:: TASK ::
Each line of the material, from the first through the one containing "#10=IFCLOCALPLACEMENT(#9,#2);", is to be written out exactly.

:: GIVEN DATA ::
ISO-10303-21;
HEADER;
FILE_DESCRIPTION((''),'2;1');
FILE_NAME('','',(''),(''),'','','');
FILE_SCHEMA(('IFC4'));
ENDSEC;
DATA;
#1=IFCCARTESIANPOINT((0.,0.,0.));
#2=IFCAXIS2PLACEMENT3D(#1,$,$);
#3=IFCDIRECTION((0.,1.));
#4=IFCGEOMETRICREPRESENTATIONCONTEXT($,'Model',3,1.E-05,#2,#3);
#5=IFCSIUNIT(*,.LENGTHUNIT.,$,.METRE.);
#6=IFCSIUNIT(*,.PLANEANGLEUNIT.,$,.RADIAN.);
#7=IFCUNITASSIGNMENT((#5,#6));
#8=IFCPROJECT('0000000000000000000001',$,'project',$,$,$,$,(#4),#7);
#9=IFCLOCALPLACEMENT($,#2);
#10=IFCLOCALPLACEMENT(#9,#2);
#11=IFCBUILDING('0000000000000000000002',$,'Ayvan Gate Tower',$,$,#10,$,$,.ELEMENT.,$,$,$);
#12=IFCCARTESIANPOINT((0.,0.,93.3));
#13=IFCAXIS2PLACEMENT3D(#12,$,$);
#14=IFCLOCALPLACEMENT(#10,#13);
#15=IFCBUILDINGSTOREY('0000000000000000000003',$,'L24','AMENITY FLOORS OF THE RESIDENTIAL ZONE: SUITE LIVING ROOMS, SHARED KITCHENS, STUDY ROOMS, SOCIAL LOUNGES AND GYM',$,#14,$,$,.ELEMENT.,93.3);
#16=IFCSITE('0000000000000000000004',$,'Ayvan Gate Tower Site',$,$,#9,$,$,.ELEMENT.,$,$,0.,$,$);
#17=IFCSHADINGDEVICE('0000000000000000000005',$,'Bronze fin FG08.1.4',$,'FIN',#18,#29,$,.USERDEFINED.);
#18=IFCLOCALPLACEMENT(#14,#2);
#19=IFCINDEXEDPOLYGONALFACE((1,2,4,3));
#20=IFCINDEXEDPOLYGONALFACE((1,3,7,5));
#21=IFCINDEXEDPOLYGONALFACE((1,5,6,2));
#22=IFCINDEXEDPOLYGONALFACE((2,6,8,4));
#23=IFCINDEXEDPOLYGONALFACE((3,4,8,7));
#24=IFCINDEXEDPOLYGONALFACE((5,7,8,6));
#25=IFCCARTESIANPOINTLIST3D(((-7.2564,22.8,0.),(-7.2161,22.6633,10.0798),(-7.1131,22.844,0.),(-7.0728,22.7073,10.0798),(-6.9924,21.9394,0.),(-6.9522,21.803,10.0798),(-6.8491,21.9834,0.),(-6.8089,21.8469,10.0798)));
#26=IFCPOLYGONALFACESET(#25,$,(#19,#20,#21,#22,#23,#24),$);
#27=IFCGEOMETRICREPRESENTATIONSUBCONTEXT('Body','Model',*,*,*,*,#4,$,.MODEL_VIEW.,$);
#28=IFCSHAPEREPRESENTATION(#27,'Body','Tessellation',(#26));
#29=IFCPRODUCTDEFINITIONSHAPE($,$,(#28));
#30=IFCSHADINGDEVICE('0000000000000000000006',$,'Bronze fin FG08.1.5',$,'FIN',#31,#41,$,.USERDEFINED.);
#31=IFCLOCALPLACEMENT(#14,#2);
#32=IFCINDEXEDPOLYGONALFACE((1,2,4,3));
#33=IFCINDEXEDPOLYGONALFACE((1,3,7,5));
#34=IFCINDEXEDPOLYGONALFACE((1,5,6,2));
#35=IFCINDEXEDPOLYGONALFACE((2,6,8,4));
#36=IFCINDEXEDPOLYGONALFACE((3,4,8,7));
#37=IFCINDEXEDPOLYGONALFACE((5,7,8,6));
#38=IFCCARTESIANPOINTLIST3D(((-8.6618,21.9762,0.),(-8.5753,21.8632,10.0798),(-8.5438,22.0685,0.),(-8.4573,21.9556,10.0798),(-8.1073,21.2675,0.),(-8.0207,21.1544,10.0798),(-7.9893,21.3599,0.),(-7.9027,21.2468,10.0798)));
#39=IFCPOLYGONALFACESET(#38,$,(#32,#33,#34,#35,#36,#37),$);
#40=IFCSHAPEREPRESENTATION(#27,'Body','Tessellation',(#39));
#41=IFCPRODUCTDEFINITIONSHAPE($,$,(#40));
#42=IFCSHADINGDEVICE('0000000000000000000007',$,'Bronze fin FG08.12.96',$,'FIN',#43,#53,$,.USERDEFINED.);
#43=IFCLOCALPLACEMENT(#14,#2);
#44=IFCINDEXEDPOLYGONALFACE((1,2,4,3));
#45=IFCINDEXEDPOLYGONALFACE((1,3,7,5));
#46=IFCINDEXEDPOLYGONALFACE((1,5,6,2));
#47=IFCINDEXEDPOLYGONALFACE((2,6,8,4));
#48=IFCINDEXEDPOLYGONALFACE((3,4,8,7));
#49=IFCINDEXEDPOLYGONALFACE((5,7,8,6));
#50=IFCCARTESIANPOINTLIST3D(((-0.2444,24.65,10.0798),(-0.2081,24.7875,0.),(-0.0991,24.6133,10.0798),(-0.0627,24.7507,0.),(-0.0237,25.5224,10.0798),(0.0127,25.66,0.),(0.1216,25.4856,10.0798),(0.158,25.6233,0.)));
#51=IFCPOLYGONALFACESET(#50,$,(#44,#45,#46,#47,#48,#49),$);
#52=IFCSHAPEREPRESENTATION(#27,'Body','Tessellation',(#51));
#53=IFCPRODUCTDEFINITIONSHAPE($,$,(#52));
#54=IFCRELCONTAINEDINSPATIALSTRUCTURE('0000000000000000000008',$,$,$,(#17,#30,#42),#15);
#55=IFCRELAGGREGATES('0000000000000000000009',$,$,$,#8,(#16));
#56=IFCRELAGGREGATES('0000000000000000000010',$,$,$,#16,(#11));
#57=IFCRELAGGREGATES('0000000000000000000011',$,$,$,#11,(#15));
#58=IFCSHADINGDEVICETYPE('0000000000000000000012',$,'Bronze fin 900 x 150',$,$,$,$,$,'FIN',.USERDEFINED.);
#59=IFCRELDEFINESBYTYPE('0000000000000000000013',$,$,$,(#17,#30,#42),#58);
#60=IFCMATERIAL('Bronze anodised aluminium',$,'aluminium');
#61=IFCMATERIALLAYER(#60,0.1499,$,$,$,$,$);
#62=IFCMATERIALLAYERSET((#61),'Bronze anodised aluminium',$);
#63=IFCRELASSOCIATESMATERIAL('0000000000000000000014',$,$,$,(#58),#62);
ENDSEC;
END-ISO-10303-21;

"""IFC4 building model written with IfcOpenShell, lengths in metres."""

from ifc_helpers import new_model, si_unit, direction, frame, origin, place, context, subcontext, project, spatial, polyline, outline, extrude, material, layer, layer_set, type_object, element, save


model = new_model("IFC4")

# Units and contexts
model_context = context("Model", 3, precision=1e-05, world=origin(), true_north=direction((0.0, 1.0)))
body_context = subcontext(model_context, "Body", "Model", "MODEL_VIEW")
ifc_project = project(units=[si_unit("LENGTHUNIT", "METRE"), si_unit("PLANEANGLEUNIT", "RADIAN")], contexts=[model_context])

# Site, building, storey
site_placement = place(None, origin())
site = spatial("IfcSite", under=ifc_project, at=site_placement, Name="Ayvan Gate Tower Site", CompositionType="ELEMENT", RefElevation=0.0)
building_placement = place(site_placement, origin())
building = spatial("IfcBuilding", under=site, at=building_placement, Name="Ayvan Gate Tower", CompositionType="ELEMENT")
storey_placement = place(building_placement, frame((0.0, 0.0, 93.3)))
storey = spatial("IfcBuildingStorey", under=building, at=storey_placement, Name="L24", Description="AMENITY FLOORS OF THE RESIDENTIAL ZONE: SUITE LIVING ROOMS, SHARED KITCHENS, STUDY ROOMS, SOCIAL LOUNGES AND GYM", CompositionType="ELEMENT", Elevation=93.3)

# Shared definitions
ifc_material_1 = material(Name="Bronze anodised aluminium", Category="aluminium")

# Shading devices
ifc_layer_1 = layer(ifc_material_1, 0.1499)
ifc_layer_set_1 = layer_set([ifc_layer_1], Name="Bronze anodised aluminium")
shading_device_type = type_object("IfcShadingDeviceType", Name="Bronze fin 900 x 150", ElementType="FIN", PredefinedType="USERDEFINED", material=ifc_layer_set_1)
shading_device_1_placement = place(storey_placement, frame((-6.8491, 21.9834, 0.0), z_axis=(0.956043, 0.293228, 0.000153), x_axis=(-0.293228, 0.956043, 0.0)))
element("IfcShadingDevice", 1, at=shading_device_1_placement, inside=storey, type_object=shading_device_type, Name="Bronze fin FG08.1.4", ObjectType="FIN", PredefinedType="USERDEFINED", context=body_context, shape_type="SweptSolid", body=[
    extrude(outline(polyline([(0.0, 0.0), (0.9002, 0.0), (0.7576, 10.0798), (-0.1423, 10.0798), (0.0, 0.0)])), origin(), (0.0, 0.0, -1.0), 0.1499),
])
shading_device_2_placement = place(storey_placement, frame((-7.9893, 21.3599, 0.0), z_axis=(0.787559, 0.616239, 0.000148), x_axis=(-0.616239, 0.787559, 0.0)))
element("IfcShadingDevice", 2, at=shading_device_2_placement, inside=storey, type_object=shading_device_type, Name="Bronze fin FG08.1.5", ObjectType="FIN", PredefinedType="USERDEFINED", context=body_context, shape_type="SweptSolid", body=[
    extrude(outline(polyline([(0.0, 0.0), (0.8998, 0.0), (0.7576, 10.0798), (-0.1424, 10.0798), (0.0, 0.0)])), origin(), (0.0, 0.0, -1.0), 0.1499),
])
shading_device_3_placement = place(storey_placement, frame((-0.0627, 24.7507, 0.0), z_axis=(0.96946, -0.245248, 0.000151), x_axis=(0.245248, 0.96946, 0.0)))
element("IfcShadingDevice", 3, at=shading_device_3_placement, inside=storey, type_object=shading_device_type, Name="Bronze fin FG08.12.96", ObjectType="FIN", PredefinedType="USERDEFINED", context=body_context, shape_type="SweptSolid", body=[
    extrude(outline(polyline([(0.0, 0.0), (0.9, 0.0), (0.7576, 10.0798), (-0.1422, 10.0798), (0.0, 0.0)])), origin(), (0.0, 0.0, -1.0), 0.1499),
])

save(model, "model.ifc")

:: FINAL ANSWER ::
ISO-10303-21;
HEADER;
FILE_DESCRIPTION((''),'2;1');
FILE_NAME('','',(''),(''),'','','');
FILE_SCHEMA(('IFC4'));
ENDSEC;
DATA;
#1=IFCCARTESIANPOINT((0.,0.,0.));
#2=IFCAXIS2PLACEMENT3D(#1,$,$);
#3=IFCDIRECTION((0.,1.));
#4=IFCGEOMETRICREPRESENTATIONCONTEXT($,'Model',3,1.E-05,#2,#3);
#5=IFCSIUNIT(*,.LENGTHUNIT.,$,.METRE.);
#6=IFCSIUNIT(*,.PLANEANGLEUNIT.,$,.RADIAN.);
#7=IFCUNITASSIGNMENT((#5,#6));
#8=IFCPROJECT('0000000000000000000001',$,'project',$,$,$,$,(#4),#7);
#9=IFCLOCALPLACEMENT($,#2);
#10=IFCLOCALPLACEMENT(#9,#2);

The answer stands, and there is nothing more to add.